Work instruction >>
The records below hold a stretch from the line with "#68=IFCINDEXEDPOLYGONALFACE((1,2,4,3));" through the line with "#111=IFCINDEXEDPOLYGONALFACE((28,65,66,29));"; return exactly those lines, ends included, and nothing more.

(Recorded data)
****************************************
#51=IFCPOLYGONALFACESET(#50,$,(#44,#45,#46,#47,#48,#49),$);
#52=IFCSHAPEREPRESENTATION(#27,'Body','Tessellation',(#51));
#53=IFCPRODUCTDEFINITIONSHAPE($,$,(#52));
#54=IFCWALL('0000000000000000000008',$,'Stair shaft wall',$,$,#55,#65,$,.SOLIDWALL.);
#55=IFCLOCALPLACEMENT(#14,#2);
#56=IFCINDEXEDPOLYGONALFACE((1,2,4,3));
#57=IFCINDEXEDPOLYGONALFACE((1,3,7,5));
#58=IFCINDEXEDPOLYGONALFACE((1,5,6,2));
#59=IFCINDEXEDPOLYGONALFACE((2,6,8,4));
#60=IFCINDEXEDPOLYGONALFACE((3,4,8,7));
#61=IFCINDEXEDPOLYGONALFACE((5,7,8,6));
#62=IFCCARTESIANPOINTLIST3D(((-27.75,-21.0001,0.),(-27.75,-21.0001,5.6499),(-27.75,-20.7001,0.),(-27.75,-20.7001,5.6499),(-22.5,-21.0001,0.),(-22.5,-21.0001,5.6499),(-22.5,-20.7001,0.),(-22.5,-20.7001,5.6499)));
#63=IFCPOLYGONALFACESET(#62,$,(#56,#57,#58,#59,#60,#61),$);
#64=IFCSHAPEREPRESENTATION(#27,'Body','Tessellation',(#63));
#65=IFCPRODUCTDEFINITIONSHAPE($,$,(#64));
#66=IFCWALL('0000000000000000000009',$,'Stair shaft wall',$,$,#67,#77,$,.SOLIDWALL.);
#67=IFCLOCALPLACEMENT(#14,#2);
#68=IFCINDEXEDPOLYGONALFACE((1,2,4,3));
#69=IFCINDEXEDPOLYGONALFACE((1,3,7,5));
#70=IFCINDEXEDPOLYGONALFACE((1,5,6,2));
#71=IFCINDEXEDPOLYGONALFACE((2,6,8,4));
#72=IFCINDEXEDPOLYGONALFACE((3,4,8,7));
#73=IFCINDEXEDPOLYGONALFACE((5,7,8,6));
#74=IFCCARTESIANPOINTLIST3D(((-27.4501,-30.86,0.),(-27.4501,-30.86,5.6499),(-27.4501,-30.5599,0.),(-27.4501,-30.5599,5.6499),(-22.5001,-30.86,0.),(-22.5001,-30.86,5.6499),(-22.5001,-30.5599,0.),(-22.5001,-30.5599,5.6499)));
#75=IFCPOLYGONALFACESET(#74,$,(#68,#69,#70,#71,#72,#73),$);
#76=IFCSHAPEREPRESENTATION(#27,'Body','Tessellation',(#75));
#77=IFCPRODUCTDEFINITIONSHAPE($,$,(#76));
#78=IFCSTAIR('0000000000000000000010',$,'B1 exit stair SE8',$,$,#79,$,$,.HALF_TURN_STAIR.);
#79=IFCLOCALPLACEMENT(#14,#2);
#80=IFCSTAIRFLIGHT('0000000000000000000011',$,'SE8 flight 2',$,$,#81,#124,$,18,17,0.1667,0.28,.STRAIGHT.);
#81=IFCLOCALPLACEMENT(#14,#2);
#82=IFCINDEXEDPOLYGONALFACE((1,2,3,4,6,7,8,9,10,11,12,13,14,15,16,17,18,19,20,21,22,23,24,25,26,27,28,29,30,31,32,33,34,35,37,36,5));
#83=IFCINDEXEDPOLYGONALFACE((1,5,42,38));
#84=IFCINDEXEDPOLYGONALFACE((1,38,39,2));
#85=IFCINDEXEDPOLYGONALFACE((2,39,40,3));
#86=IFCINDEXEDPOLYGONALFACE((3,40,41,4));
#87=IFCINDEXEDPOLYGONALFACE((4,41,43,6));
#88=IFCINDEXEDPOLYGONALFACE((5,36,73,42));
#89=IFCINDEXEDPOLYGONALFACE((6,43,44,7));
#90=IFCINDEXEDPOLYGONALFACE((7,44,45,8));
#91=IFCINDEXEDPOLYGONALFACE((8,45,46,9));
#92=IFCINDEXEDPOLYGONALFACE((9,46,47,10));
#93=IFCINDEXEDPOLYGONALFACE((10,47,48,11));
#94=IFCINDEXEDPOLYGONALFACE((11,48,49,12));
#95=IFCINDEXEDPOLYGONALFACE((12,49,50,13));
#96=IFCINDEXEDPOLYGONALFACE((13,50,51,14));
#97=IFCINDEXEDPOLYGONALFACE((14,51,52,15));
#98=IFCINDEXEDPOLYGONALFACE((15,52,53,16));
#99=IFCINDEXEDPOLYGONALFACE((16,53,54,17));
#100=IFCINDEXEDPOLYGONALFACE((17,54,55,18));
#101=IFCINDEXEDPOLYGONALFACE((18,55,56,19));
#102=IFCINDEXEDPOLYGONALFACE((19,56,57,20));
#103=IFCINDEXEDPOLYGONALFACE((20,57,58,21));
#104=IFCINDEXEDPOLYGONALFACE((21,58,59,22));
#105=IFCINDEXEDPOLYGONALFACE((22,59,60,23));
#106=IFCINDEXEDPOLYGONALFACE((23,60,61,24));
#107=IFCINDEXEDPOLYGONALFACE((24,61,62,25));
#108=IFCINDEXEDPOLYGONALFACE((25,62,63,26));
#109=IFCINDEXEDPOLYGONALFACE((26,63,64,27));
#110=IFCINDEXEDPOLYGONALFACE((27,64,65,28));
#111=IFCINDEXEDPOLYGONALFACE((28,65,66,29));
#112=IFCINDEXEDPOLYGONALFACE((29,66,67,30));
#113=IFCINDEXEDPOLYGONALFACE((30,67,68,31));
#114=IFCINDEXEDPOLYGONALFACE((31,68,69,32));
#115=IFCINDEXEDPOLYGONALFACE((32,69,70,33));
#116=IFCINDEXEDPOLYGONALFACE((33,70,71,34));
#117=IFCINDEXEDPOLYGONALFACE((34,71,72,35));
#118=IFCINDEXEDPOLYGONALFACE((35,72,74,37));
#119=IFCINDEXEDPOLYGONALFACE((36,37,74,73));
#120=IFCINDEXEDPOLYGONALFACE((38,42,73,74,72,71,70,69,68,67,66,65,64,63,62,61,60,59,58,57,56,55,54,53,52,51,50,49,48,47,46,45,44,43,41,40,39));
****************************************
Task result >>
#68=IFCINDEXEDPOLYGONALFACE((1,2,4,3));
#69=IFCINDEXEDPOLYGONALFACE((1,3,7,5));
#70=IFCINDEXEDPOLYGONALFACE((1,5,6,2));
#71=IFCINDEXEDPOLYGONALFACE((2,6,8,4));
#72=IFCINDEXEDPOLYGONALFACE((3,4,8,7));
#73=IFCINDEXEDPOLYGONALFACE((5,7,8,6));
#74=IFCCARTESIANPOINTLIST3D(((-27.4501,-30.86,0.),(-27.4501,-30.86,5.6499),(-27.4501,-30.5599,0.),(-27.4501,-30.5599,5.6499),(-22.5001,-30.86,0.),(-22.5001,-30.86,5.6499),(-22.5001,-30.5599,0.),(-22.5001,-30.5599,5.6499)));
#75=IFCPOLYGONALFACESET(#74,$,(#68,#69,#70,#71,#72,#73),$);
#76=IFCSHAPEREPRESENTATION(#27,'Body','Tessellation',(#75));
#77=IFCPRODUCTDEFINITIONSHAPE($,$,(#76));
#78=IFCSTAIR('0000000000000000000010',$,'B1 exit stair SE8',$,$,#79,$,$,.HALF_TURN_STAIR.);
#79=IFCLOCALPLACEMENT(#14,#2);
#80=IFCSTAIRFLIGHT('0000000000000000000011',$,'SE8 flight 2',$,$,#81,#124,$,18,17,0.1667,0.28,.STRAIGHT.);
#81=IFCLOCALPLACEMENT(#14,#2);
#82=IFCINDEXEDPOLYGONALFACE((1,2,3,4,6,7,8,9,10,11,12,13,14,15,16,17,18,19,20,21,22,23,24,25,26,27,28,29,30,31,32,33,34,35,37,36,5));
#83=IFCINDEXEDPOLYGONALFACE((1,5,42,38));
#84=IFCINDEXEDPOLYGONALFACE((1,38,39,2));
#85=IFCINDEXEDPOLYGONALFACE((2,39,40,3));
#86=IFCINDEXEDPOLYGONALFACE((3,40,41,4));
#87=IFCINDEXEDPOLYGONALFACE((4,41,43,6));
#88=IFCINDEXEDPOLYGONALFACE((5,36,73,42));
#89=IFCINDEXEDPOLYGONALFACE((6,43,44,7));
#90=IFCINDEXEDPOLYGONALFACE((7,44,45,8));
#91=IFCINDEXEDPOLYGONALFACE((8,45,46,9));
#92=IFCINDEXEDPOLYGONALFACE((9,46,47,10));
#93=IFCINDEXEDPOLYGONALFACE((10,47,48,11));
#94=IFCINDEXEDPOLYGONALFACE((11,48,49,12));
#95=IFCINDEXEDPOLYGONALFACE((12,49,50,13));
#96=IFCINDEXEDPOLYGONALFACE((13,50,51,14));
#97=IFCINDEXEDPOLYGONALFACE((14,51,52,15));
#98=IFCINDEXEDPOLYGONALFACE((15,52,53,16));
#99=IFCINDEXEDPOLYGONALFACE((16,53,54,17));
#100=IFCINDEXEDPOLYGONALFACE((17,54,55,18));
#101=IFCINDEXEDPOLYGONALFACE((18,55,56,19));
#102=IFCINDEXEDPOLYGONALFACE((19,56,57,20));
#103=IFCINDEXEDPOLYGONALFACE((20,57,58,21));
#104=IFCINDEXEDPOLYGONALFACE((21,58,59,22));
#105=IFCINDEXEDPOLYGONALFACE((22,59,60,23));
#106=IFCINDEXEDPOLYGONALFACE((23,60,61,24));
#107=IFCINDEXEDPOLYGONALFACE((24,61,62,25));
#108=IFCINDEXEDPOLYGONALFACE((25,62,63,26));
#109=IFCINDEXEDPOLYGONALFACE((26,63,64,27));
#110=IFCINDEXEDPOLYGONALFACE((27,64,65,28));
#111=IFCINDEXEDPOLYGONALFACE((28,65,66,29));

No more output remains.